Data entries
____________

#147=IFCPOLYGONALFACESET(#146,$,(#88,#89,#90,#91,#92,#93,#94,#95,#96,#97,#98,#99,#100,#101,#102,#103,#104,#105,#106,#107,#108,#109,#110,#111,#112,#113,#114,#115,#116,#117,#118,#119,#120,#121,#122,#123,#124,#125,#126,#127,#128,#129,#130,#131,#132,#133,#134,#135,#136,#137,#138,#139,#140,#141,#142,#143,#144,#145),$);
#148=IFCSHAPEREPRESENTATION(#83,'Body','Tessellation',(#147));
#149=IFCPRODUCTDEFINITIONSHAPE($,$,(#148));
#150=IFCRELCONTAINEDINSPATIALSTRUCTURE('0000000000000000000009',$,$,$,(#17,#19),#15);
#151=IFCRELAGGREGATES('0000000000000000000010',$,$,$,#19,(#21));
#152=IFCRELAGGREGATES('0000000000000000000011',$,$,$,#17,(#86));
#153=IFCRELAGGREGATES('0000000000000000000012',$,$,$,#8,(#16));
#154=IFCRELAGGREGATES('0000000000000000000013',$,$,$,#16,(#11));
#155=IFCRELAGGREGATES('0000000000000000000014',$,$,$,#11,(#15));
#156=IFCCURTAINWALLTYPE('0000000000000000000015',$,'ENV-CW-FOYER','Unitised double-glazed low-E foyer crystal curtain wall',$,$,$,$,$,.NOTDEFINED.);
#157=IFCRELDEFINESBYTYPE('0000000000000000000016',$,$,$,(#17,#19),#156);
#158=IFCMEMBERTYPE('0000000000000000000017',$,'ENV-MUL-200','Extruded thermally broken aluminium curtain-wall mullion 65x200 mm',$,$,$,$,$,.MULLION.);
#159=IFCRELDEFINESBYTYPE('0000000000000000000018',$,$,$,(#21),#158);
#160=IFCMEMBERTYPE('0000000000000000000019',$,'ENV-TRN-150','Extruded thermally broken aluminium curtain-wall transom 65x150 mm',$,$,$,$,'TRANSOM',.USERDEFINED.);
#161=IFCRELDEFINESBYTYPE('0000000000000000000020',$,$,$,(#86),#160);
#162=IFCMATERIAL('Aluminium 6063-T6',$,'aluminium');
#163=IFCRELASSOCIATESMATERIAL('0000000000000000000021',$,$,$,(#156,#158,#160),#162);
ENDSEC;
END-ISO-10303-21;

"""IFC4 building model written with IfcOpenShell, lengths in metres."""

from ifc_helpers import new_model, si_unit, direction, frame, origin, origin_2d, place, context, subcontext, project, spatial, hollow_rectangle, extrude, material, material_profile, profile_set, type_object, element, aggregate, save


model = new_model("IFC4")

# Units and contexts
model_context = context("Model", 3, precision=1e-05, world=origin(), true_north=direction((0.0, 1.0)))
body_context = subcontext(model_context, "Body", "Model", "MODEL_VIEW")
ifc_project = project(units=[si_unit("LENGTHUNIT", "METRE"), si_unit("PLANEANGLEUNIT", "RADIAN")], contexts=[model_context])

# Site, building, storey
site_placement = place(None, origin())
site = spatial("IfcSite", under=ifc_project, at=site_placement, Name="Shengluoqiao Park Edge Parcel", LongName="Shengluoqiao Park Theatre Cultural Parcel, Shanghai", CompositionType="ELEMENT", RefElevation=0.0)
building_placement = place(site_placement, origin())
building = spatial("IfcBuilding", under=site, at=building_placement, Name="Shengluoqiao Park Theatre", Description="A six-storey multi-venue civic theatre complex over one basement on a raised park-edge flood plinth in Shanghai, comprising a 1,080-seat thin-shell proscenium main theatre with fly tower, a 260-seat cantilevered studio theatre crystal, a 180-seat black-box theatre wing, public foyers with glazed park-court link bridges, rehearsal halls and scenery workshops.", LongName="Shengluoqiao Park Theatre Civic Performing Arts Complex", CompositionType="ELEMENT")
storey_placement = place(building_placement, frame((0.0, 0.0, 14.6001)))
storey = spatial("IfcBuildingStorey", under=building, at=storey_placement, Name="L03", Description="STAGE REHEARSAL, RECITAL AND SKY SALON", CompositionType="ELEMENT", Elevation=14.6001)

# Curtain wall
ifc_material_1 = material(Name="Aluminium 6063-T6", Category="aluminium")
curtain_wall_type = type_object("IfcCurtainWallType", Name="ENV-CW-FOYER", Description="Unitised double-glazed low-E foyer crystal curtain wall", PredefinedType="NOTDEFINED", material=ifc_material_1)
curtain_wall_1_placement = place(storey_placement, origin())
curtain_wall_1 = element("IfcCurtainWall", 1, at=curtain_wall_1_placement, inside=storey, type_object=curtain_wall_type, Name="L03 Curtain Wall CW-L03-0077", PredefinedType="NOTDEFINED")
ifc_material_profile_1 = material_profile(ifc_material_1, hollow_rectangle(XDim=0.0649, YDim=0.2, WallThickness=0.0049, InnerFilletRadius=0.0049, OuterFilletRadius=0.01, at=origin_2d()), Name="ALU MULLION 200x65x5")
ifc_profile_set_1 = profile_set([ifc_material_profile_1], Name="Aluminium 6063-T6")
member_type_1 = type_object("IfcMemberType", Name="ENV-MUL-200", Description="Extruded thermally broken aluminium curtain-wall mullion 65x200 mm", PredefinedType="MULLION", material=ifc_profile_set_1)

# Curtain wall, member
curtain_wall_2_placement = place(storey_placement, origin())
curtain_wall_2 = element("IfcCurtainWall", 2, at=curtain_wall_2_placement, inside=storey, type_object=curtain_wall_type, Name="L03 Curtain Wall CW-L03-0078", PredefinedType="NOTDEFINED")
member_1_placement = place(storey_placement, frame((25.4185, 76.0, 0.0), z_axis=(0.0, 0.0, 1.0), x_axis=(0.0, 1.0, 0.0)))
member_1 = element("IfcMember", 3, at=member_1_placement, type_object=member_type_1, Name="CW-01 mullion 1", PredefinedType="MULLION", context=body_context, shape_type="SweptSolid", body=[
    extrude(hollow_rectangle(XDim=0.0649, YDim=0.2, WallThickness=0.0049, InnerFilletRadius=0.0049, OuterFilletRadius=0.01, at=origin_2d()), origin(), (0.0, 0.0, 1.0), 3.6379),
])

____________

- _ASSIGNED TASK_
Without changing anything, repeat every record above.

- _ANSWER TO THIS EXERCISE_
#147=IFCPOLYGONALFACESET(#146,$,(#88,#89,#90,#91,#92,#93,#94,#95,#96,#97,#98,#99,#100,#101,#102,#103,#104,#105,#106,#107,#108,#109,#110,#111,#112,#113,#114,#115,#116,#117,#118,#119,#120,#121,#122,#123,#124,#125,#126,#127,#128,#129,#130,#131,#132,#133,#134,#135,#136,#137,#138,#139,#140,#141,#142,#143,#144,#145),$);
#148=IFCSHAPEREPRESENTATION(#83,'Body','Tessellation',(#147));
#149=IFCPRODUCTDEFINITIONSHAPE($,$,(#148));
#150=IFCRELCONTAINEDINSPATIALSTRUCTURE('0000000000000000000009',$,$,$,(#17,#19),#15);
#151=IFCRELAGGREGATES('0000000000000000000010',$,$,$,#19,(#21));
#152=IFCRELAGGREGATES('0000000000000000000011',$,$,$,#17,(#86));
#153=IFCRELAGGREGATES('0000000000000000000012',$,$,$,#8,(#16));
#154=IFCRELAGGREGATES('0000000000000000000013',$,$,$,#16,(#11));
#155=IFCRELAGGREGATES('0000000000000000000014',$,$,$,#11,(#15));
#156=IFCCURTAINWALLTYPE('0000000000000000000015',$,'ENV-CW-FOYER','Unitised double-glazed low-E foyer crystal curtain wall',$,$,$,$,$,.NOTDEFINED.);
#157=IFCRELDEFINESBYTYPE('0000000000000000000016',$,$,$,(#17,#19),#156);
#158=IFCMEMBERTYPE('0000000000000000000017',$,'ENV-MUL-200','Extruded thermally broken aluminium curtain-wall mullion 65x200 mm',$,$,$,$,$,.MULLION.);
#159=IFCRELDEFINESBYTYPE('0000000000000000000018',$,$,$,(#21),#158);
#160=IFCMEMBERTYPE('0000000000000000000019',$,'ENV-TRN-150','Extruded thermally broken aluminium curtain-wall transom 65x150 mm',$,$,$,$,'TRANSOM',.USERDEFINED.);
#161=IFCRELDEFINESBYTYPE('0000000000000000000020',$,$,$,(#86),#160);
#162=IFCMATERIAL('Aluminium 6063-T6',$,'aluminium');
#163=IFCRELASSOCIATESMATERIAL('0000000000000000000021',$,$,$,(#156,#158,#160),#162);
ENDSEC;
END-ISO-10303-21;

"""IFC4 building model written with IfcOpenShell, lengths in metres."""

from ifc_helpers import new_model, si_unit, direction, frame, origin, origin_2d, place, context, subcontext, project, spatial, hollow_rectangle, extrude, material, material_profile, profile_set, type_object, element, aggregate, save


model = new_model("IFC4")

# Units and contexts
model_context = context("Model", 3, precision=1e-05, world=origin(), true_north=direction((0.0, 1.0)))
body_context = subcontext(model_context, "Body", "Model", "MODEL_VIEW")
ifc_project = project(units=[si_unit("LENGTHUNIT", "METRE"), si_unit("PLANEANGLEUNIT", "RADIAN")], contexts=[model_context])

# Site, building, storey
site_placement = place(None, origin())
site = spatial("IfcSite", under=ifc_project, at=site_placement, Name="Shengluoqiao Park Edge Parcel", LongName="Shengluoqiao Park Theatre Cultural Parcel, Shanghai", CompositionType="ELEMENT", RefElevation=0.0)
building_placement = place(site_placement, origin())
building = spatial("IfcBuilding", under=site, at=building_placement, Name="Shengluoqiao Park Theatre", Description="A six-storey multi-venue civic theatre complex over one basement on a raised park-edge flood plinth in Shanghai, comprising a 1,080-seat thin-shell proscenium main theatre with fly tower, a 260-seat cantilevered studio theatre crystal, a 180-seat black-box theatre wing, public foyers with glazed park-court link bridges, rehearsal halls and scenery workshops.", LongName="Shengluoqiao Park Theatre Civic Performing Arts Complex", CompositionType="ELEMENT")
storey_placement = place(building_placement, frame((0.0, 0.0, 14.6001)))
storey = spatial("IfcBuildingStorey", under=building, at=storey_placement, Name="L03", Description="STAGE REHEARSAL, RECITAL AND SKY SALON", CompositionType="ELEMENT", Elevation=14.6001)

# Curtain wall
ifc_material_1 = material(Name="Aluminium 6063-T6", Category="aluminium")
curtain_wall_type = type_object("IfcCurtainWallType", Name="ENV-CW-FOYER", Description="Unitised double-glazed low-E foyer crystal curtain wall", PredefinedType="NOTDEFINED", material=ifc_material_1)
curtain_wall_1_placement = place(storey_placement, origin())
curtain_wall_1 = element("IfcCurtainWall", 1, at=curtain_wall_1_placement, inside=storey, type_object=curtain_wall_type, Name="L03 Curtain Wall CW-L03-0077", PredefinedType="NOTDEFINED")
ifc_material_profile_1 = material_profile(ifc_material_1, hollow_rectangle(XDim=0.0649, YDim=0.2, WallThickness=0.0049, InnerFilletRadius=0.0049, OuterFilletRadius=0.01, at=origin_2d()), Name="ALU MULLION 200x65x5")
ifc_profile_set_1 = profile_set([ifc_material_profile_1], Name="Aluminium 6063-T6")
member_type_1 = type_object("IfcMemberType", Name="ENV-MUL-200", Description="Extruded thermally broken aluminium curtain-wall mullion 65x200 mm", PredefinedType="MULLION", material=ifc_profile_set_1)

# Curtain wall, member
curtain_wall_2_placement = place(storey_placement, origin())
curtain_wall_2 = element("IfcCurtainWall", 2, at=curtain_wall_2_placement, inside=storey, type_object=curtain_wall_type, Name="L03 Curtain Wall CW-L03-0078", PredefinedType="NOTDEFINED")
member_1_placement = place(storey_placement, frame((25.4185, 76.0, 0.0), z_axis=(0.0, 0.0, 1.0), x_axis=(0.0, 1.0, 0.0)))
member_1 = element("IfcMember", 3, at=member_1_placement, type_object=member_type_1, Name="CW-01 mullion 1", PredefinedType="MULLION", context=body_context, shape_type="SweptSolid", body=[
    extrude(hollow_rectangle(XDim=0.0649, YDim=0.2, WallThickness=0.0049, InnerFilletRadius=0.0049, OuterFilletRadius=0.01, at=origin_2d()), origin(), (0.0, 0.0, 1.0), 3.6379),
])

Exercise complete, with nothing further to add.